* [Task statement]
Write out again, exactly, the lines below starting at the one with "#175=IFCINDEXEDPOLYGONALFACE((2,6,8,4));" and ending at the one with "#177=IFCINDEXEDPOLYGONALFACE((5,7,8,6));".

* [Data extracts]
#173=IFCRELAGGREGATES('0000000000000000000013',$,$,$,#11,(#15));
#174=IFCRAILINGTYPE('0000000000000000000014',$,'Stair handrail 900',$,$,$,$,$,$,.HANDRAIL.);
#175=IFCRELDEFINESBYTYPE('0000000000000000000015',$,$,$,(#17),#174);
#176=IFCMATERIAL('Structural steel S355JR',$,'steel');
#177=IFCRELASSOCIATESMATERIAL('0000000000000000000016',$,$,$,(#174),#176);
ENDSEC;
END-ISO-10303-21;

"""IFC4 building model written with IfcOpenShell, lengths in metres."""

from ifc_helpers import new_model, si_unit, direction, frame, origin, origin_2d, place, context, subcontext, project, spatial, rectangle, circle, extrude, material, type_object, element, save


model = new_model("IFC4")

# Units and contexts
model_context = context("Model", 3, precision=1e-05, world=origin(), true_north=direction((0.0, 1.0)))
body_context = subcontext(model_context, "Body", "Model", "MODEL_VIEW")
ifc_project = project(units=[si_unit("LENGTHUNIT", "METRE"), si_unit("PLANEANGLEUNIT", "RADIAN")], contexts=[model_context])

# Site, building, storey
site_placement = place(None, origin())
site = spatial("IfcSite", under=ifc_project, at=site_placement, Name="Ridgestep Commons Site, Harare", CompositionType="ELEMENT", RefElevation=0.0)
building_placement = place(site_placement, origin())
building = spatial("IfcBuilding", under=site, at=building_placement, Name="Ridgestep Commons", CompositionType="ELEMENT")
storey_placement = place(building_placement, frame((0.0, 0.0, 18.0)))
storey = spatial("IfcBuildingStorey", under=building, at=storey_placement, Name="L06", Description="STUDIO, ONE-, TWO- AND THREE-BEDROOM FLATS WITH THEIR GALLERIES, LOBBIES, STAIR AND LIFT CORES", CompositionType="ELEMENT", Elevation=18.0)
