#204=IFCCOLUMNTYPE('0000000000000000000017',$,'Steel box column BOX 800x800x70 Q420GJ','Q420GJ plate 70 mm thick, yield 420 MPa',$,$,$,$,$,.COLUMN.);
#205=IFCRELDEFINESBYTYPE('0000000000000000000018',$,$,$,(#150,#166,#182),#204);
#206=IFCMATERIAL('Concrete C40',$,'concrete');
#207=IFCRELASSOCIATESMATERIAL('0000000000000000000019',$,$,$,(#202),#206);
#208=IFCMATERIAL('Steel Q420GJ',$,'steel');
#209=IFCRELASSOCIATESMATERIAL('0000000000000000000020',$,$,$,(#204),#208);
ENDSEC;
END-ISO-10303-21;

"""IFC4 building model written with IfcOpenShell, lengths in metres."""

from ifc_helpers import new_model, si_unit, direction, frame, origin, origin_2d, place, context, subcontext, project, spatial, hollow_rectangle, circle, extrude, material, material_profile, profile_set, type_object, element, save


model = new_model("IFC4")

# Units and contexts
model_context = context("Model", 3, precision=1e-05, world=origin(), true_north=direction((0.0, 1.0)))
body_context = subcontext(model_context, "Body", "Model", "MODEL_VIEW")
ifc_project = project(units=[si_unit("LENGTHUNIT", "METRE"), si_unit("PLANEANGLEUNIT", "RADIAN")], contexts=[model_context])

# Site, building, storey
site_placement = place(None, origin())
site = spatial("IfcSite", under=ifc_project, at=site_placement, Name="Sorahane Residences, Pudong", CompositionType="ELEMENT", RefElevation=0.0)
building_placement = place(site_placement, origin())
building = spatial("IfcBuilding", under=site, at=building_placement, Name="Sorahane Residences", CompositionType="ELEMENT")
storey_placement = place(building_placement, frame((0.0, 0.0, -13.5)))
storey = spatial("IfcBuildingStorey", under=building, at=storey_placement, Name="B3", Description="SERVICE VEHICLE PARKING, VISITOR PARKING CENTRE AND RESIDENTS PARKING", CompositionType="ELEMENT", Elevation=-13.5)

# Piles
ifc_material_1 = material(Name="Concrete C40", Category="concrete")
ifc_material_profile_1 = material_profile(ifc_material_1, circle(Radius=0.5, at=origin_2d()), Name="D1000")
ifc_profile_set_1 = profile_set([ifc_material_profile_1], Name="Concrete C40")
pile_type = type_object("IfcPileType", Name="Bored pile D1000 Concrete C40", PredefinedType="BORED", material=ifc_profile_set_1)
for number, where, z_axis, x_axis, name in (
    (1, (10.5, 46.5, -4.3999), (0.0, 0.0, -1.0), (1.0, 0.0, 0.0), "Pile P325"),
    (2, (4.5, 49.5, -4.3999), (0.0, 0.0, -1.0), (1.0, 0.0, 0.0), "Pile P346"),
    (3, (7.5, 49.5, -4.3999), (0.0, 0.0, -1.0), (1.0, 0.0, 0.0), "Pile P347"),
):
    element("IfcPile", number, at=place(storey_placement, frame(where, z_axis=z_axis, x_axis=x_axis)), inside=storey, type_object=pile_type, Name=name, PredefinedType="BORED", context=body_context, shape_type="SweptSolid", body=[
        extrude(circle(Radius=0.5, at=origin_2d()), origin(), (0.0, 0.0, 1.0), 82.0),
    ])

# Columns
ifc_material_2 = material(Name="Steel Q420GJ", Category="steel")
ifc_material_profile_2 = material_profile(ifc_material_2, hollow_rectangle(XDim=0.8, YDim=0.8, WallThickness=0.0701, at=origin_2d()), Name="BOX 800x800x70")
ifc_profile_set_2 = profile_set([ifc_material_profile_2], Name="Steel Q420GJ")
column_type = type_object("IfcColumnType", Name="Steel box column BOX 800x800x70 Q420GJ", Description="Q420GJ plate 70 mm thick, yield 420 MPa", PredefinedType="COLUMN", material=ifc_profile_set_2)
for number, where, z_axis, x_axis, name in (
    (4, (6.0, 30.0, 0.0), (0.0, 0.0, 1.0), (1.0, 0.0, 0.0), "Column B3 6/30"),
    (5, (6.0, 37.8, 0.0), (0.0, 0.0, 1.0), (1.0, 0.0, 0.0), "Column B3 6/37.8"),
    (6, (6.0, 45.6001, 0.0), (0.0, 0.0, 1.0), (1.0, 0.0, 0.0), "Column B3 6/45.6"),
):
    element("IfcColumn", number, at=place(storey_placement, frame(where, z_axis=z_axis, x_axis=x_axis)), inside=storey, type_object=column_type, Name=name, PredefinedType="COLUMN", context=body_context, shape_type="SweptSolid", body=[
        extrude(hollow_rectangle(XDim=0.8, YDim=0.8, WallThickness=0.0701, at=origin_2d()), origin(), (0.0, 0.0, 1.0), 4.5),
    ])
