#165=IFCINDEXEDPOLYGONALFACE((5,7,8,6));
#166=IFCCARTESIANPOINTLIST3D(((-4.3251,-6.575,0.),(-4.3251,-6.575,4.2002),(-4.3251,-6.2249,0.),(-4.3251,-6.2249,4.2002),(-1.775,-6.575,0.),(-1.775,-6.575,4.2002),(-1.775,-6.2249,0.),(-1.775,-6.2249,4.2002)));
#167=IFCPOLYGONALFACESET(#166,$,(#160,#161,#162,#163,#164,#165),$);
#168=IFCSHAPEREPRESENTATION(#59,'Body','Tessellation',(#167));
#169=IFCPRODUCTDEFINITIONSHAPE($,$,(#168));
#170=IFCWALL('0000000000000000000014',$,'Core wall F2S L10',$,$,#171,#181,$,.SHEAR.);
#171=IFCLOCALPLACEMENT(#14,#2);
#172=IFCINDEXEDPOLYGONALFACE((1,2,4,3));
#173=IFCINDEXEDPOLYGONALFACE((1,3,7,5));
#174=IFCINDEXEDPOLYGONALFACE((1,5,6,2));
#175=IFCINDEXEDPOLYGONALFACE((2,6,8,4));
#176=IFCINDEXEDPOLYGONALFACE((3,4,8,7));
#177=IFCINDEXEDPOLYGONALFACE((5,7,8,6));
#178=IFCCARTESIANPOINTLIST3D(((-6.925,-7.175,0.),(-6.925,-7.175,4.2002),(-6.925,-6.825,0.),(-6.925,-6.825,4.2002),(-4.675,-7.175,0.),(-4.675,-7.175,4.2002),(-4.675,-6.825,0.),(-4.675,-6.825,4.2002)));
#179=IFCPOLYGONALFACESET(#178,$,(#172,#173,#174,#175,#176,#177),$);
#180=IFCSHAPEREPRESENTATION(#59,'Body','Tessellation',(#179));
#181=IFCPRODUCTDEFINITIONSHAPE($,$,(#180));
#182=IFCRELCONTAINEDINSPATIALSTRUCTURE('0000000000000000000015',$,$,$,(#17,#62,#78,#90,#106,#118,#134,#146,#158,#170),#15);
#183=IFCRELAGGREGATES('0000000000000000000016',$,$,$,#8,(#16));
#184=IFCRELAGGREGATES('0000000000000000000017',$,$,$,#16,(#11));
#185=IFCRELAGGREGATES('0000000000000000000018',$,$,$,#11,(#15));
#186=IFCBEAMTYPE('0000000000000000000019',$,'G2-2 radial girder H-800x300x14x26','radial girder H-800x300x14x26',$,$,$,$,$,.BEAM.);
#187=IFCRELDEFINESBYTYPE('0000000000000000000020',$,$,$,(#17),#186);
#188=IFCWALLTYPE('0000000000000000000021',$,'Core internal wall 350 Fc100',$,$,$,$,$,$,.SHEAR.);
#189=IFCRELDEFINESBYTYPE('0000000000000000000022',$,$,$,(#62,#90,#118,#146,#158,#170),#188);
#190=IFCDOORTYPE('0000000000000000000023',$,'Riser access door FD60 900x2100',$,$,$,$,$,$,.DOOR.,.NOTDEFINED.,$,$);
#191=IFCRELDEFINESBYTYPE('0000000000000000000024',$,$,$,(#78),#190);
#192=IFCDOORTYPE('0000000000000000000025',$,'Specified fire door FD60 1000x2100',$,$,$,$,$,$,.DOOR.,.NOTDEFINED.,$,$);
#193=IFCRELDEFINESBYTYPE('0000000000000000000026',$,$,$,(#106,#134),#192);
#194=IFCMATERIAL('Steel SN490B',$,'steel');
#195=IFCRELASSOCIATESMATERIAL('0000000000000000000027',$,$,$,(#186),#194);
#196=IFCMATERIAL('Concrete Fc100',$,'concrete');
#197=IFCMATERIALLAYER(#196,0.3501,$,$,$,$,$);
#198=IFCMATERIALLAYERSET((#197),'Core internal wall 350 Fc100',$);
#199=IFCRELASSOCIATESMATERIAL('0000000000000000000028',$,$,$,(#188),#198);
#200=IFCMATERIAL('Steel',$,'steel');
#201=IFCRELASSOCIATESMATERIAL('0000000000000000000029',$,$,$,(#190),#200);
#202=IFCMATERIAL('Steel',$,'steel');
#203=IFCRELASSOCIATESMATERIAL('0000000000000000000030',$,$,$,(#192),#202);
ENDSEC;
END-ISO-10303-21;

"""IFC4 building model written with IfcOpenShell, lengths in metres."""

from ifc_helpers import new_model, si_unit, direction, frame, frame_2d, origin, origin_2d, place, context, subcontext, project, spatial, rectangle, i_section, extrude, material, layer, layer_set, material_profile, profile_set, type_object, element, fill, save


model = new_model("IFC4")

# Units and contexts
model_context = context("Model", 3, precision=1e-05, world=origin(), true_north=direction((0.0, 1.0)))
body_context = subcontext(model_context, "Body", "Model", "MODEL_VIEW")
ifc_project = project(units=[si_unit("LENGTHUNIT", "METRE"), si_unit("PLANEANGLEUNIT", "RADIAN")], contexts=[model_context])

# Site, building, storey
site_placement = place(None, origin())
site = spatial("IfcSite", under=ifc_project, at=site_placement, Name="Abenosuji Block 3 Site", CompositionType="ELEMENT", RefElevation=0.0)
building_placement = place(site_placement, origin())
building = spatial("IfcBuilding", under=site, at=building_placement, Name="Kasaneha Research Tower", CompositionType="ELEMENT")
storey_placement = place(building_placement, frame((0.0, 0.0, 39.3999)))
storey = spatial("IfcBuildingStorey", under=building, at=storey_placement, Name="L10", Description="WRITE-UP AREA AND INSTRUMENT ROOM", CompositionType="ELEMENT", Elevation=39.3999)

* [Reply]
#175=IFCINDEXEDPOLYGONALFACE((2,6,8,4));
#176=IFCINDEXEDPOLYGONALFACE((3,4,8,7));
#177=IFCINDEXEDPOLYGONALFACE((5,7,8,6));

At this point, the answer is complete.